(What the exercise asks) Only the lines from the line containing "#165=IFCINDEXEDPOLYGONALFACE((5,24,27,8));" to the end of the entries, both included, belong in your answer, and each must match exactly.

START Supplied records

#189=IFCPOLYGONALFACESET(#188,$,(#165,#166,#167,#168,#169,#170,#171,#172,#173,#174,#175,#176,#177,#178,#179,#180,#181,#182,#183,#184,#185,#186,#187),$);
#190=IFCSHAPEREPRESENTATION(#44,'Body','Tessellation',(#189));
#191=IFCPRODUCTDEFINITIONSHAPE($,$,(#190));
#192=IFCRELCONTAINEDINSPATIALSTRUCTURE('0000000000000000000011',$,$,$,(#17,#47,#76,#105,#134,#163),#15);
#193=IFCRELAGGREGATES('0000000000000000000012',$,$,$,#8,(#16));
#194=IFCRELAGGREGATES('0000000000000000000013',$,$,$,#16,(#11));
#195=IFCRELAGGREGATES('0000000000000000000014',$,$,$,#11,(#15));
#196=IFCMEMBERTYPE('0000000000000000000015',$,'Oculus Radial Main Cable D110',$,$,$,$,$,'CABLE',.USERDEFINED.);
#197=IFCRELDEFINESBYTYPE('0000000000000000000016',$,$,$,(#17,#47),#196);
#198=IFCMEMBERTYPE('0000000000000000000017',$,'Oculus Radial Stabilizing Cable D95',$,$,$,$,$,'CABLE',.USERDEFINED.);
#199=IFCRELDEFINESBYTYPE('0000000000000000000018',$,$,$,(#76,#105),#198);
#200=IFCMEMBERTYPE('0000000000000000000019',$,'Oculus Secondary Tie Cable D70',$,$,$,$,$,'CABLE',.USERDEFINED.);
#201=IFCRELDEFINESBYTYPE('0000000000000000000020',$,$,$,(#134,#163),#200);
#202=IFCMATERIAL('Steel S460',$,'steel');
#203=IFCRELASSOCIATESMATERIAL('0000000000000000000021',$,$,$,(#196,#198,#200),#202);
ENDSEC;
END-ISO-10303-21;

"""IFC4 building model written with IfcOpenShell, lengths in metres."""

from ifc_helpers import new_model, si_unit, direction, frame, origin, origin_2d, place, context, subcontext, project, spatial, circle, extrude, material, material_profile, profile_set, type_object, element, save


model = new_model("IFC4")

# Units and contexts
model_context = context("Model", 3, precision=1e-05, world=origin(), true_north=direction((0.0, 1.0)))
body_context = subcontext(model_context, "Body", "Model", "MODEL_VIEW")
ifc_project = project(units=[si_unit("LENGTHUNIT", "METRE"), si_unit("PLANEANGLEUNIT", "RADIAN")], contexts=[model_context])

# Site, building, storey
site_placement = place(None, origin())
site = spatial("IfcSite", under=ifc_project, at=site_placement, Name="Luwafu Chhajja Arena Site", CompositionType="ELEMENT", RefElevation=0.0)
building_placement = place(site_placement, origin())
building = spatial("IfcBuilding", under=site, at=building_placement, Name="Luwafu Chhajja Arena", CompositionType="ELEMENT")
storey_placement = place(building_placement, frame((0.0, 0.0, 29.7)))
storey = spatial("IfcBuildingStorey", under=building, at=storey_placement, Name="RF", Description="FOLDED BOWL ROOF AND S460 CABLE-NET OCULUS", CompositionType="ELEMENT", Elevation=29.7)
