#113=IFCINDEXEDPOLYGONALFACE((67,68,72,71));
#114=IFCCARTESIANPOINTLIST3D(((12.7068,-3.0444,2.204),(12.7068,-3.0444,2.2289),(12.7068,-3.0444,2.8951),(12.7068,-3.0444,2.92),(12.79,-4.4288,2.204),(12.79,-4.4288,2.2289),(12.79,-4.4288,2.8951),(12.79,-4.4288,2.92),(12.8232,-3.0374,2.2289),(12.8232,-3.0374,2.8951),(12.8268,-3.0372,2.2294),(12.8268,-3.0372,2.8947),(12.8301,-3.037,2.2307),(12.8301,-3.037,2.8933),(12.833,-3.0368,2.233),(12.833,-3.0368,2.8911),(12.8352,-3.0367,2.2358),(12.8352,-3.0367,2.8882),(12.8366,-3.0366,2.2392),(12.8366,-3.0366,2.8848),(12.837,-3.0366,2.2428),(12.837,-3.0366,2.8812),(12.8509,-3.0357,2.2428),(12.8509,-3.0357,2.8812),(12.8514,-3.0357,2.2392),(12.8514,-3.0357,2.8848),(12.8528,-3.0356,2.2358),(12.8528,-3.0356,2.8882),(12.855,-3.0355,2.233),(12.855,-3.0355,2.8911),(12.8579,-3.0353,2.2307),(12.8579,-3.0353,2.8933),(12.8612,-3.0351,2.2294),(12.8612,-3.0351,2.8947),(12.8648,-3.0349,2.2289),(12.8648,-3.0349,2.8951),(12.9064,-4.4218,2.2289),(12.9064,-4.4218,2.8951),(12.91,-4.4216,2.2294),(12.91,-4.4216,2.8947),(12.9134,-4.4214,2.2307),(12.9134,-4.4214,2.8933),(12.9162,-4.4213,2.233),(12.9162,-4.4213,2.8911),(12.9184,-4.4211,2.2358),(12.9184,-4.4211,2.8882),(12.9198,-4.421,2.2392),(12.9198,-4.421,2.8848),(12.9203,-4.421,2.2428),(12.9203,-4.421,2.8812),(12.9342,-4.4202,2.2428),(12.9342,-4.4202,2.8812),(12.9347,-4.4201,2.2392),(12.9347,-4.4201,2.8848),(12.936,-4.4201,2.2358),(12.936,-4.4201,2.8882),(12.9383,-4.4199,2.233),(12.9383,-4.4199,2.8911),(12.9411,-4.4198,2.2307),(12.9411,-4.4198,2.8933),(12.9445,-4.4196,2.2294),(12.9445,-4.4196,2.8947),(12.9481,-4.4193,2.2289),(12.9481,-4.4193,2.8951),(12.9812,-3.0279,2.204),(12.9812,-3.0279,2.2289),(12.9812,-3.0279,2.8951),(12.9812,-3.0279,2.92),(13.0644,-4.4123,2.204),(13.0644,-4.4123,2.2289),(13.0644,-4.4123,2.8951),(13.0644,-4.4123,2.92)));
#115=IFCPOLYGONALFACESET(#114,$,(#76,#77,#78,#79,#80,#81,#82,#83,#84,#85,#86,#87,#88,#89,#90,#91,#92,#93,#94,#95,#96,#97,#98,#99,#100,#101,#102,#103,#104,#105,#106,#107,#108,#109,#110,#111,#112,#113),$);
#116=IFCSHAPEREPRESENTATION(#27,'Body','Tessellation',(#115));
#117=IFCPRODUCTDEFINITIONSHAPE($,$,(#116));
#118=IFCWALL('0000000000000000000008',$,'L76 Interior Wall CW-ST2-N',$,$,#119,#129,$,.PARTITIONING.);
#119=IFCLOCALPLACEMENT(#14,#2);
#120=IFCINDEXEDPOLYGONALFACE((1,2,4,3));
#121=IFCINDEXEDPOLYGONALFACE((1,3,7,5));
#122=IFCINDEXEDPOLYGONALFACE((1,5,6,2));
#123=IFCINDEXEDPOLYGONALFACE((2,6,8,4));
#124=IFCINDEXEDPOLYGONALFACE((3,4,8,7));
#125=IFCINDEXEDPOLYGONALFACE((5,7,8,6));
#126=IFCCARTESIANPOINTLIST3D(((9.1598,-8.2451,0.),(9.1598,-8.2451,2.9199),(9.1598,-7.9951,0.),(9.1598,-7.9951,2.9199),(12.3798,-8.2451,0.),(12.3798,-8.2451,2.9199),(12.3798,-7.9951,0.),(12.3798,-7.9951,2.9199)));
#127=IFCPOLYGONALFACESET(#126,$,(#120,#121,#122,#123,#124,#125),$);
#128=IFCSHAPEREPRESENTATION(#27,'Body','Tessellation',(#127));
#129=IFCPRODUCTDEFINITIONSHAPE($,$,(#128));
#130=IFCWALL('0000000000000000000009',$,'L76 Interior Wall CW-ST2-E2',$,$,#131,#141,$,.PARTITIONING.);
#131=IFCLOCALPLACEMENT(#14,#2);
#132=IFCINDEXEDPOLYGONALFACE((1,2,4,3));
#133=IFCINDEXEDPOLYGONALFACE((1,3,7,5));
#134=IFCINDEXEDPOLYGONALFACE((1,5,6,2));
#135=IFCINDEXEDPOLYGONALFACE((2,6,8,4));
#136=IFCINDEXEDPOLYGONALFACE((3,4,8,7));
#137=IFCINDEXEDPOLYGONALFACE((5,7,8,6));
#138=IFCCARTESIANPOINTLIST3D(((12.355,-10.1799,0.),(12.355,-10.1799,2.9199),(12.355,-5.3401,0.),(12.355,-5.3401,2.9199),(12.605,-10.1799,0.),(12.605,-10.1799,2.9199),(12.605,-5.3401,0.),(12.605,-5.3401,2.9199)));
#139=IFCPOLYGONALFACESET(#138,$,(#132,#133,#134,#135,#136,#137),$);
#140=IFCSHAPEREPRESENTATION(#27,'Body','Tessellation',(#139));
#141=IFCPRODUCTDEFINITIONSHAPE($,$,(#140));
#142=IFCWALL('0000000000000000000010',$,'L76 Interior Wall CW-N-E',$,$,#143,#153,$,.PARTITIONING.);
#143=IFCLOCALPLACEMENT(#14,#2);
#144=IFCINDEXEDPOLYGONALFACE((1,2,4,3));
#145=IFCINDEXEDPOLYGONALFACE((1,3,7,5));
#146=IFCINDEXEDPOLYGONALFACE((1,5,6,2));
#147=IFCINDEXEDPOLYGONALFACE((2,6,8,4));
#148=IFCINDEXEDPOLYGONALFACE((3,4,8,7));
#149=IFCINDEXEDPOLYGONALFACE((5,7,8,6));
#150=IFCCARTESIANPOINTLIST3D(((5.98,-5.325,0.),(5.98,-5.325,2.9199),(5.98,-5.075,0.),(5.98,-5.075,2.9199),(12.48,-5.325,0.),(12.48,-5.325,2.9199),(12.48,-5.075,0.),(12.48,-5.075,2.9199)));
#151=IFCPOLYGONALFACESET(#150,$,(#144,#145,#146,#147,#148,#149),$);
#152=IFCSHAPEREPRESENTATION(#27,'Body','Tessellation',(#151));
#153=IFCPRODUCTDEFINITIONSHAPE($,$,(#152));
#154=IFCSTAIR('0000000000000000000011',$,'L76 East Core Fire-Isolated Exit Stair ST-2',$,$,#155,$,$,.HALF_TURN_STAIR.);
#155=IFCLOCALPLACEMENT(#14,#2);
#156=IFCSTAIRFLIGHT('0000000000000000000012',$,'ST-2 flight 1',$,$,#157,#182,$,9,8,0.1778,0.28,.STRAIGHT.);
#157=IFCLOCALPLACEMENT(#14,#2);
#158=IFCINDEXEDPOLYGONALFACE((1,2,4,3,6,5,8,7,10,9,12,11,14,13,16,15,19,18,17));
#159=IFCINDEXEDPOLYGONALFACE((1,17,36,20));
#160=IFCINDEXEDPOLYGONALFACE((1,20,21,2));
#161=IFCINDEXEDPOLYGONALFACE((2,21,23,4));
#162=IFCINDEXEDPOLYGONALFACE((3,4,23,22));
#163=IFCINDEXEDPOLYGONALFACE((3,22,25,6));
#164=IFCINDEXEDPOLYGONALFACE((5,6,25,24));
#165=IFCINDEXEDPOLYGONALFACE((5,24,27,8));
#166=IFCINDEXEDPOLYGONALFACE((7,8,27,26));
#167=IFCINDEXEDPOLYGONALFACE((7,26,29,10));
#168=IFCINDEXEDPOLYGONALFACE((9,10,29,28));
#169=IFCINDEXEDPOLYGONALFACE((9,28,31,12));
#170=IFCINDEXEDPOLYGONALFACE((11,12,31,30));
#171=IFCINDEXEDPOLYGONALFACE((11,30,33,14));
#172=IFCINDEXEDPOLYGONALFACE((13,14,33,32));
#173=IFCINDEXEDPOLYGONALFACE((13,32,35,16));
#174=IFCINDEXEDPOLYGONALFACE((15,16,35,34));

END Supplied records

(Written response)
#165=IFCINDEXEDPOLYGONALFACE((5,24,27,8));
#166=IFCINDEXEDPOLYGONALFACE((7,8,27,26));
#167=IFCINDEXEDPOLYGONALFACE((7,26,29,10));
#168=IFCINDEXEDPOLYGONALFACE((9,10,29,28));
#169=IFCINDEXEDPOLYGONALFACE((9,28,31,12));
#170=IFCINDEXEDPOLYGONALFACE((11,12,31,30));
#171=IFCINDEXEDPOLYGONALFACE((11,30,33,14));
#172=IFCINDEXEDPOLYGONALFACE((13,14,33,32));
#173=IFCINDEXEDPOLYGONALFACE((13,32,35,16));
#174=IFCINDEXEDPOLYGONALFACE((15,16,35,34));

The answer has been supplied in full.